--- Task directions ---
Copy exactly the lines of the records below, and only those lines, beginning with the line that contains "#56=IFCINDEXEDPOLYGONALFACE((1,2,8,7,5,6,4,3));" and ending with the line that contains "#93=IFCPRODUCTDEFINITIONSHAPE($,$,(#92));".

--- Exercise inputs ---
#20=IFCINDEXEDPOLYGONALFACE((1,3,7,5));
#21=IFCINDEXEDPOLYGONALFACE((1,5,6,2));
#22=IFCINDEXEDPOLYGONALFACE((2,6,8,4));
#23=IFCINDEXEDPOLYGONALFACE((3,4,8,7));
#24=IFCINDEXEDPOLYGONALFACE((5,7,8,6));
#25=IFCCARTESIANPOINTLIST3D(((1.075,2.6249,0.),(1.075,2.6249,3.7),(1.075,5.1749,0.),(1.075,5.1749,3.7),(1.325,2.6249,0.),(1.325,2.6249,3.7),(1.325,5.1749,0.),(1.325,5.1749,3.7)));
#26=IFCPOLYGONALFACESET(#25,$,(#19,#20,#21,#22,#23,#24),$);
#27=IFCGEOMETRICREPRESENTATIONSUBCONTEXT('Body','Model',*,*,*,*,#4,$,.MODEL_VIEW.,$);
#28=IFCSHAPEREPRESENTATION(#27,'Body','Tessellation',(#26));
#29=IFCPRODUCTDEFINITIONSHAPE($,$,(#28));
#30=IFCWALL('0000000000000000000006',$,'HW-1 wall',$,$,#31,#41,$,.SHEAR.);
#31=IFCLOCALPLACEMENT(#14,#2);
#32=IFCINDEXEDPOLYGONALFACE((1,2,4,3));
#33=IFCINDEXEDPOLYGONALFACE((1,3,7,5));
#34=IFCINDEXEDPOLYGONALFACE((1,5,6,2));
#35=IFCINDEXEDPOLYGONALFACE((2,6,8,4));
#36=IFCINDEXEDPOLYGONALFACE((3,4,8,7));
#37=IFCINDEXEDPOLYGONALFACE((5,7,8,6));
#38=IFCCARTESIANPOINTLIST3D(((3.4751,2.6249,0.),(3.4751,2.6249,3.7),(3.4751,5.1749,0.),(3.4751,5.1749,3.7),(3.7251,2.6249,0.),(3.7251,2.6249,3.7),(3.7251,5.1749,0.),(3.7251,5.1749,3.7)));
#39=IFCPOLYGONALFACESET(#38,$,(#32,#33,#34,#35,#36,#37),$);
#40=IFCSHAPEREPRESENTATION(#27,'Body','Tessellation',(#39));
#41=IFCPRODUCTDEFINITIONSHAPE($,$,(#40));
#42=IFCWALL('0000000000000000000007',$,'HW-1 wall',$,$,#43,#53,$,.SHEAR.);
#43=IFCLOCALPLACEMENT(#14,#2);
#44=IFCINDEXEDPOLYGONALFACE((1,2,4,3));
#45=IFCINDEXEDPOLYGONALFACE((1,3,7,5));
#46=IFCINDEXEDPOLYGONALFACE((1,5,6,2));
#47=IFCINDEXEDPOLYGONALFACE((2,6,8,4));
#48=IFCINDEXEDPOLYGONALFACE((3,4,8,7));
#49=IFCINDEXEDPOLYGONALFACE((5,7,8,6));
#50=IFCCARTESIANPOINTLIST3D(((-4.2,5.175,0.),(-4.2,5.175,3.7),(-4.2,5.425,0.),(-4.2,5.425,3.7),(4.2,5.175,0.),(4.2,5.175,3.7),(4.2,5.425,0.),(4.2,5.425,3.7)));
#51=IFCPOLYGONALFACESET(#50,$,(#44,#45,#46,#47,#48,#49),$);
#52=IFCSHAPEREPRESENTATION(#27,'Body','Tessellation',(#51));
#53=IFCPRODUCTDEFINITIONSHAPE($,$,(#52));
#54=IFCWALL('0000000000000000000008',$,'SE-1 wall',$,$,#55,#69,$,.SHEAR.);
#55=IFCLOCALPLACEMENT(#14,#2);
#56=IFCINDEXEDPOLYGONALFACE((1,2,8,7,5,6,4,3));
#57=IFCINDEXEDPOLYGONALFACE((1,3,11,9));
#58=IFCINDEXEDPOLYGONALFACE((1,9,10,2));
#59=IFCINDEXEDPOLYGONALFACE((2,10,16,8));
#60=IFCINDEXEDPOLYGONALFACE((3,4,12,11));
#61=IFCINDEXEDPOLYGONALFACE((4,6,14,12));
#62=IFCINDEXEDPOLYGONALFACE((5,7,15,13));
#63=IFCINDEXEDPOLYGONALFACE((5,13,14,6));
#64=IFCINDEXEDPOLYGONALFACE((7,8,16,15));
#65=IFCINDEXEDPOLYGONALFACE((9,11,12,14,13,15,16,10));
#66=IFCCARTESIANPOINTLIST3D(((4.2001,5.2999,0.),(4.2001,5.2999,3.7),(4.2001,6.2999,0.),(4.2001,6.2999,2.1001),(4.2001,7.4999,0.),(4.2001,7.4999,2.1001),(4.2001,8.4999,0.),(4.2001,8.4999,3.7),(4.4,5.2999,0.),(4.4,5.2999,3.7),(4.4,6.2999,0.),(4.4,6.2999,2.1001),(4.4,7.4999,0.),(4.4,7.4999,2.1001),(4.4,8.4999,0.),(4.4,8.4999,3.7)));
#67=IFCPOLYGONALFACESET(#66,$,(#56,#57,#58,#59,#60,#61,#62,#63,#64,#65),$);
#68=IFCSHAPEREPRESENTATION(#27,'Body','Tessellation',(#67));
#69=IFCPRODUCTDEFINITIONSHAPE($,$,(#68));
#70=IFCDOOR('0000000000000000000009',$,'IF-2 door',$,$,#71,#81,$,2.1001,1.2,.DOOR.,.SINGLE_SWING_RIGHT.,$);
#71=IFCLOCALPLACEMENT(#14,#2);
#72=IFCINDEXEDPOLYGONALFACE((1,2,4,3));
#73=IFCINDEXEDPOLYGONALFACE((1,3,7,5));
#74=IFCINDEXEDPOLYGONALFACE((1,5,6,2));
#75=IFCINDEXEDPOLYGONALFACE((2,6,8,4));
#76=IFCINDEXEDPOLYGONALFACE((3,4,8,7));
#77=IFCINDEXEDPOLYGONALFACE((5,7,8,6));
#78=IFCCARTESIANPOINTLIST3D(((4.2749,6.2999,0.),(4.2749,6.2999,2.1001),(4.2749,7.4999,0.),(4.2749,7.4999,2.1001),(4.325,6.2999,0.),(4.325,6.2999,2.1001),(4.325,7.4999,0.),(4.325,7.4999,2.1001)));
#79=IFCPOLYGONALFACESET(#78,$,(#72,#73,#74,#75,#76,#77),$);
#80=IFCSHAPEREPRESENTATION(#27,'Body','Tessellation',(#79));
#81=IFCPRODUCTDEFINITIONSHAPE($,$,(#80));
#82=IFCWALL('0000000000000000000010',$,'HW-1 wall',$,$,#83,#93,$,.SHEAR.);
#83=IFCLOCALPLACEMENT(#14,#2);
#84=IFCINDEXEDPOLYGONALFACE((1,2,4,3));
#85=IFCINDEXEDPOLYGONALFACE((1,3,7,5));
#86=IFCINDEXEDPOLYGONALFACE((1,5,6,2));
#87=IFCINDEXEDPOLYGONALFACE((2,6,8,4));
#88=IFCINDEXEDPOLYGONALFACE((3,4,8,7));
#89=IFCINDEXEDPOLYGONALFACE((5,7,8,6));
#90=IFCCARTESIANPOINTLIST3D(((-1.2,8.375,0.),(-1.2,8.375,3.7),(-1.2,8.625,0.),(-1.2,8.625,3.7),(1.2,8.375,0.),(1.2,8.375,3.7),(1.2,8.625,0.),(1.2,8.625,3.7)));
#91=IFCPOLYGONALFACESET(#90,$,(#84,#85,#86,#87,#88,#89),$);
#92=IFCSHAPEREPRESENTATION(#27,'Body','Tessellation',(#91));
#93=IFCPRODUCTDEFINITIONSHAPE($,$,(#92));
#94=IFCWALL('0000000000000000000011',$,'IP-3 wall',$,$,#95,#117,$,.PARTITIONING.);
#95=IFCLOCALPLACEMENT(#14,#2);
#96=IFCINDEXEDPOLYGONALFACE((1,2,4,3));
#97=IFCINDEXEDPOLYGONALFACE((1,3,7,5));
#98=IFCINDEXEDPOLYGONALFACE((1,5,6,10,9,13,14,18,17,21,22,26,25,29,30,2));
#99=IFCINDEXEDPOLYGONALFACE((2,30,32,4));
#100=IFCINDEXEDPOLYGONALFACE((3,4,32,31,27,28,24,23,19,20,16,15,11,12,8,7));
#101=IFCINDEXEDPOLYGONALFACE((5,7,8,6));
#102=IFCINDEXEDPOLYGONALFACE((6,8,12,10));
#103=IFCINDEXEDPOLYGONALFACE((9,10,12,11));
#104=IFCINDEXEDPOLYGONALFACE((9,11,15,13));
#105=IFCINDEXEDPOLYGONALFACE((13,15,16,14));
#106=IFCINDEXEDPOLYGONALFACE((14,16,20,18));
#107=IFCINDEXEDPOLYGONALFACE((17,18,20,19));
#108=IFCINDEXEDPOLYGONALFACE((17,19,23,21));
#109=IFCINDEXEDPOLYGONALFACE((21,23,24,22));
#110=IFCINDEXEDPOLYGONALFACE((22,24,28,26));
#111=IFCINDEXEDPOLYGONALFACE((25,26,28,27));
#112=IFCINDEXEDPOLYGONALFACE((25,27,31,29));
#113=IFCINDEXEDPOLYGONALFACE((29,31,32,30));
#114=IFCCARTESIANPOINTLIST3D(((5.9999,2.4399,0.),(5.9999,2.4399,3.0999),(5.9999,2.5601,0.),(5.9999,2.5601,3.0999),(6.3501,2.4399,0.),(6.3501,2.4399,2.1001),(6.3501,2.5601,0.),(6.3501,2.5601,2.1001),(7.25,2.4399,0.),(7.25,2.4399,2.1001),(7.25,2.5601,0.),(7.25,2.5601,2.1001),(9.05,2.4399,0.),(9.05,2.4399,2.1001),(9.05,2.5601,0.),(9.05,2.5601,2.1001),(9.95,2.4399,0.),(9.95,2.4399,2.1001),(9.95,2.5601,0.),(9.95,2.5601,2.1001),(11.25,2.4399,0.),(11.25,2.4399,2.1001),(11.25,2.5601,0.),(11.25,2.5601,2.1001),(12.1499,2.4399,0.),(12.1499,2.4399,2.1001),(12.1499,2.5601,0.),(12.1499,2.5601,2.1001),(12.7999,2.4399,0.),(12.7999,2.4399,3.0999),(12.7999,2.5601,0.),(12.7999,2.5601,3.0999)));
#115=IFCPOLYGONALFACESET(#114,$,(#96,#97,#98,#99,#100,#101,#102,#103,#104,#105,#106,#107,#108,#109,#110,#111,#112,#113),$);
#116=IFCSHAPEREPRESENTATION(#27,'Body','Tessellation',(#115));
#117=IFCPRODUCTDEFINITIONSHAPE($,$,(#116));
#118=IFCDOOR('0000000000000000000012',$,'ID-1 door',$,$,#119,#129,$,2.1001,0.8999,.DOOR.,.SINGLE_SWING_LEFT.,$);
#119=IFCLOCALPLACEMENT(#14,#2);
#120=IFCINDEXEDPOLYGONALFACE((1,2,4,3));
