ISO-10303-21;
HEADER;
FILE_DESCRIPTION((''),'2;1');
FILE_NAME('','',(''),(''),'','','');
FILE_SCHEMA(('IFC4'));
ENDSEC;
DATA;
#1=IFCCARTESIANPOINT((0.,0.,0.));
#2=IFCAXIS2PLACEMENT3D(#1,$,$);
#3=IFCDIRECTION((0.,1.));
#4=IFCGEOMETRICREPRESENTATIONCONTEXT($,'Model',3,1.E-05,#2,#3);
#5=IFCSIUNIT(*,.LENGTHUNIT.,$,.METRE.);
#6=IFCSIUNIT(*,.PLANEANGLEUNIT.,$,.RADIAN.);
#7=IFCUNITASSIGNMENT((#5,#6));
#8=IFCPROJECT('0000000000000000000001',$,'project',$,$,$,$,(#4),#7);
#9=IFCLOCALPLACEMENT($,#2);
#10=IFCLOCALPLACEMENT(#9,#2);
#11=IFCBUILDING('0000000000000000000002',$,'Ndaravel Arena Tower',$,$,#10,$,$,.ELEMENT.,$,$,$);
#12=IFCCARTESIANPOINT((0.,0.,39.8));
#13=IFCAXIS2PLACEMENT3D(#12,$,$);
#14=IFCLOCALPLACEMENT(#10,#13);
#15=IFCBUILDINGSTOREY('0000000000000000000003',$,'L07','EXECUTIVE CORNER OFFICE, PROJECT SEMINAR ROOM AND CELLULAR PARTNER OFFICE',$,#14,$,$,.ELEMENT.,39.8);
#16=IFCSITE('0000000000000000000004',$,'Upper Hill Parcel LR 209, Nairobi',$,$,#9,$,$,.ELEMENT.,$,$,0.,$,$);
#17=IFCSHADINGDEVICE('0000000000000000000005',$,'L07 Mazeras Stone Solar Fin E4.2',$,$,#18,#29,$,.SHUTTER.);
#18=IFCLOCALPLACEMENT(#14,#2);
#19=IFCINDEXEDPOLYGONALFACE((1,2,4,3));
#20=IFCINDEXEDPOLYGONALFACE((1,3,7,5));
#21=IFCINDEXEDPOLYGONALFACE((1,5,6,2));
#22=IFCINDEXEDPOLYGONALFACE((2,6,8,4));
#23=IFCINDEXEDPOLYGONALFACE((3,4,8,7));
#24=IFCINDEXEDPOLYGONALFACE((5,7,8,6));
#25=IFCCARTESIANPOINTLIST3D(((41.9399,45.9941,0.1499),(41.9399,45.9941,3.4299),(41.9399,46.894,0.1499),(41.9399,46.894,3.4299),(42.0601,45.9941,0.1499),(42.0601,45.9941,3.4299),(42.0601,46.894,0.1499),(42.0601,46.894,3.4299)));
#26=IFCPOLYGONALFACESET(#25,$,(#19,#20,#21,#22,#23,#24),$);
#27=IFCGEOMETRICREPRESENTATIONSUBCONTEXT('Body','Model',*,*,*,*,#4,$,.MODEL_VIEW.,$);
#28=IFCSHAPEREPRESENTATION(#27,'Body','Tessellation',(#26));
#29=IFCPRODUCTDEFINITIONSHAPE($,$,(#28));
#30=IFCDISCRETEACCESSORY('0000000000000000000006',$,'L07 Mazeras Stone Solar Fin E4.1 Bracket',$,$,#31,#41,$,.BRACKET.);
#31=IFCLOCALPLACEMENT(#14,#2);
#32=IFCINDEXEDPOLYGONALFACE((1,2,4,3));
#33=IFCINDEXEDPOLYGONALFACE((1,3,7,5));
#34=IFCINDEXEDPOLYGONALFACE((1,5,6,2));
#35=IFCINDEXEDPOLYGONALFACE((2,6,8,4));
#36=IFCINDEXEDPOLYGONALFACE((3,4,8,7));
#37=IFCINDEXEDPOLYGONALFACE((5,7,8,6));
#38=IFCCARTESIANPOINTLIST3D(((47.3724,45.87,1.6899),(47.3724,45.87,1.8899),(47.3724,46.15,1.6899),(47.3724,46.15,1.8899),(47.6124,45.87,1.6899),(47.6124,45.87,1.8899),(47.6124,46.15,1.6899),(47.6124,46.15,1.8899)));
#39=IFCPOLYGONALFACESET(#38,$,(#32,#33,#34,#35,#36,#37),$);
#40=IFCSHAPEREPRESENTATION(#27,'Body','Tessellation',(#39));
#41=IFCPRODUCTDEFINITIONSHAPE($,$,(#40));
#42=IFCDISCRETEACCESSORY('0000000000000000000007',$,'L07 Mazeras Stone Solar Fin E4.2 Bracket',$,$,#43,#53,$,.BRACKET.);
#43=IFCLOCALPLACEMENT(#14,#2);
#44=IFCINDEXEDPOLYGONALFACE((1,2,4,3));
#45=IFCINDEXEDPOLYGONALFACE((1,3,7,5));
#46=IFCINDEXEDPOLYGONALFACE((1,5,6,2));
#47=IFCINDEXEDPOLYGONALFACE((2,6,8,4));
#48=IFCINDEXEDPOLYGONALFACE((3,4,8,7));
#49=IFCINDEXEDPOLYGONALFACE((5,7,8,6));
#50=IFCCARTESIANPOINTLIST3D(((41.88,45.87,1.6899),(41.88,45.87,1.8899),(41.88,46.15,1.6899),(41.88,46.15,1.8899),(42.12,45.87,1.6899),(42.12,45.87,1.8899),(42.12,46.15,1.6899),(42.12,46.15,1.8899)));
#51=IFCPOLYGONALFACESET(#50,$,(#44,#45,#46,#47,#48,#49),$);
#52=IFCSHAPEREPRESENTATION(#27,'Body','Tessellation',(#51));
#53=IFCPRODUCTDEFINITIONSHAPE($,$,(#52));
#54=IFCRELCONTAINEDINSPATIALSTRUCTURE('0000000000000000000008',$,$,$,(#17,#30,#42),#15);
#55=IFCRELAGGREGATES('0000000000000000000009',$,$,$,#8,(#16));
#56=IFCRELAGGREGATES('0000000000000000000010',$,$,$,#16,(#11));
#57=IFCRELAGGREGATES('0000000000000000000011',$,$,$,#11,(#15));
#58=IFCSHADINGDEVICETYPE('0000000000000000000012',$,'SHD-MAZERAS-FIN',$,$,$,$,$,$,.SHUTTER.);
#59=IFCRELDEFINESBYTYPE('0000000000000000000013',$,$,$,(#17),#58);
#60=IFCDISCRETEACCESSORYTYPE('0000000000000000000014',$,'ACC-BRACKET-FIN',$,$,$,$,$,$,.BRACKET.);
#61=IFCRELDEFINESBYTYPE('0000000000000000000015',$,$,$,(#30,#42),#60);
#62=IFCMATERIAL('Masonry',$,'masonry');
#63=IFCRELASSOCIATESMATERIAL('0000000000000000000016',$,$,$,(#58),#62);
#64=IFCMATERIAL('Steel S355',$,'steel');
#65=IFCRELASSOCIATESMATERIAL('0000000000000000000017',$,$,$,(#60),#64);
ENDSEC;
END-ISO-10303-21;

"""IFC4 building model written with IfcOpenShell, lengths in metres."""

from ifc_helpers import new_model, si_unit, direction, frame, origin, origin_2d, place, context, subcontext, project, spatial, rectangle, extrude, material, type_object, element, save


model = new_model("IFC4")

# Units and contexts
model_context = context("Model", 3, precision=1e-05, world=origin(), true_north=direction((0.0, 1.0)))
body_context = subcontext(model_context, "Body", "Model", "MODEL_VIEW")
ifc_project = project(units=[si_unit("LENGTHUNIT", "METRE"), si_unit("PLANEANGLEUNIT", "RADIAN")], contexts=[model_context])

# Site, building, storey
site_placement = place(None, origin())
site = spatial("IfcSite", under=ifc_project, at=site_placement, Name="Upper Hill Parcel LR 209, Nairobi", CompositionType="ELEMENT", RefElevation=0.0)
building_placement = place(site_placement, origin())
building = spatial("IfcBuilding", under=site, at=building_placement, Name="Ndaravel Arena Tower", CompositionType="ELEMENT")
storey_placement = place(building_placement, frame((0.0, 0.0, 39.8)))
storey = spatial("IfcBuildingStorey", under=building, at=storey_placement, Name="L07", Description="EXECUTIVE CORNER OFFICE, PROJECT SEMINAR ROOM AND CELLULAR PARTNER OFFICE", CompositionType="ELEMENT", Elevation=39.8)

# Shading device
ifc_material_1 = material(Name="Masonry", Category="masonry")
shading_device_type = type_object("IfcShadingDeviceType", Name="SHD-MAZERAS-FIN", PredefinedType="SHUTTER", material=ifc_material_1)
for number, where, z_axis, x_axis, name in (
    (1, (42.0, 46.4441, 0.1499), (0.0, 0.0, 1.0), (0.0, 1.0, 0.0), "L07 Mazeras Stone Solar Fin E4.2"),
):
    element("IfcShadingDevice", number, at=place(storey_placement, frame(where, z_axis=z_axis, x_axis=x_axis)), inside=storey, type_object=shading_device_type, Name=name, PredefinedType="SHUTTER", context=body_context, shape_type="SweptSolid", body=[
        extrude(rectangle(XDim=0.8999, YDim=0.1201, at=origin_2d()), origin(), (0.0, 0.0, 1.0), 3.28),
    ])

# Discrete accessories
ifc_material_2 = material(Name="Steel S355", Category="steel")
discrete_accessory_type = type_object("IfcDiscreteAccessoryType", Name="ACC-BRACKET-FIN", PredefinedType="BRACKET", material=ifc_material_2)
for number, where, z_axis, x_axis, name in (
    (2, (47.4924, 46.01, 1.6899), (0.0, 0.0, 1.0), (0.0, 1.0, 0.0), "L07 Mazeras Stone Solar Fin E4.1 Bracket"),
    (3, (42.0, 46.01, 1.6899), (0.0, 0.0, 1.0), (0.0, 1.0, 0.0), "L07 Mazeras Stone Solar Fin E4.2 Bracket"),
):
    element("IfcDiscreteAccessory", number, at=place(storey_placement, frame(where, z_axis=z_axis, x_axis=x_axis)), inside=storey, type_object=discrete_accessory_type, Name=name, PredefinedType="BRACKET", context=body_context, shape_type="SweptSolid", body=[
        extrude(rectangle(XDim=0.28, YDim=0.24, at=origin_2d()), origin(), (0.0, 0.0, 1.0), 0.2),
    ])

save(model, "model.ifc")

--- Answer for the task ---
#56=IFCINDEXEDPOLYGONALFACE((1,2,8,7,5,6,4,3));
#57=IFCINDEXEDPOLYGONALFACE((1,3,11,9));
#58=IFCINDEXEDPOLYGONALFACE((1,9,10,2));
#59=IFCINDEXEDPOLYGONALFACE((2,10,16,8));
#60=IFCINDEXEDPOLYGONALFACE((3,4,12,11));
#61=IFCINDEXEDPOLYGONALFACE((4,6,14,12));
#62=IFCINDEXEDPOLYGONALFACE((5,7,15,13));
#63=IFCINDEXEDPOLYGONALFACE((5,13,14,6));
#64=IFCINDEXEDPOLYGONALFACE((7,8,16,15));
#65=IFCINDEXEDPOLYGONALFACE((9,11,12,14,13,15,16,10));
#66=IFCCARTESIANPOINTLIST3D(((4.2001,5.2999,0.),(4.2001,5.2999,3.7),(4.2001,6.2999,0.),(4.2001,6.2999,2.1001),(4.2001,7.4999,0.),(4.2001,7.4999,2.1001),(4.2001,8.4999,0.),(4.2001,8.4999,3.7),(4.4,5.2999,0.),(4.4,5.2999,3.7),(4.4,6.2999,0.),(4.4,6.2999,2.1001),(4.4,7.4999,0.),(4.4,7.4999,2.1001),(4.4,8.4999,0.),(4.4,8.4999,3.7)));
#67=IFCPOLYGONALFACESET(#66,$,(#56,#57,#58,#59,#60,#61,#62,#63,#64,#65),$);
#68=IFCSHAPEREPRESENTATION(#27,'Body','Tessellation',(#67));
#69=IFCPRODUCTDEFINITIONSHAPE($,$,(#68));
#70=IFCDOOR('0000000000000000000009',$,'IF-2 door',$,$,#71,#81,$,2.1001,1.2,.DOOR.,.SINGLE_SWING_RIGHT.,$);
#71=IFCLOCALPLACEMENT(#14,#2);
#72=IFCINDEXEDPOLYGONALFACE((1,2,4,3));
#73=IFCINDEXEDPOLYGONALFACE((1,3,7,5));
#74=IFCINDEXEDPOLYGONALFACE((1,5,6,2));
#75=IFCINDEXEDPOLYGONALFACE((2,6,8,4));
#76=IFCINDEXEDPOLYGONALFACE((3,4,8,7));
#77=IFCINDEXEDPOLYGONALFACE((5,7,8,6));
#78=IFCCARTESIANPOINTLIST3D(((4.2749,6.2999,0.),(4.2749,6.2999,2.1001),(4.2749,7.4999,0.),(4.2749,7.4999,2.1001),(4.325,6.2999,0.),(4.325,6.2999,2.1001),(4.325,7.4999,0.),(4.325,7.4999,2.1001)));
#79=IFCPOLYGONALFACESET(#78,$,(#72,#73,#74,#75,#76,#77),$);
#80=IFCSHAPEREPRESENTATION(#27,'Body','Tessellation',(#79));
#81=IFCPRODUCTDEFINITIONSHAPE($,$,(#80));
#82=IFCWALL('0000000000000000000010',$,'HW-1 wall',$,$,#83,#93,$,.SHEAR.);
#83=IFCLOCALPLACEMENT(#14,#2);
#84=IFCINDEXEDPOLYGONALFACE((1,2,4,3));
#85=IFCINDEXEDPOLYGONALFACE((1,3,7,5));
#86=IFCINDEXEDPOLYGONALFACE((1,5,6,2));
#87=IFCINDEXEDPOLYGONALFACE((2,6,8,4));
#88=IFCINDEXEDPOLYGONALFACE((3,4,8,7));
#89=IFCINDEXEDPOLYGONALFACE((5,7,8,6));
#90=IFCCARTESIANPOINTLIST3D(((-1.2,8.375,0.),(-1.2,8.375,3.7),(-1.2,8.625,0.),(-1.2,8.625,3.7),(1.2,8.375,0.),(1.2,8.375,3.7),(1.2,8.625,0.),(1.2,8.625,3.7)));
#91=IFCPOLYGONALFACESET(#90,$,(#84,#85,#86,#87,#88,#89),$);
#92=IFCSHAPEREPRESENTATION(#27,'Body','Tessellation',(#91));
#93=IFCPRODUCTDEFINITIONSHAPE($,$,(#92));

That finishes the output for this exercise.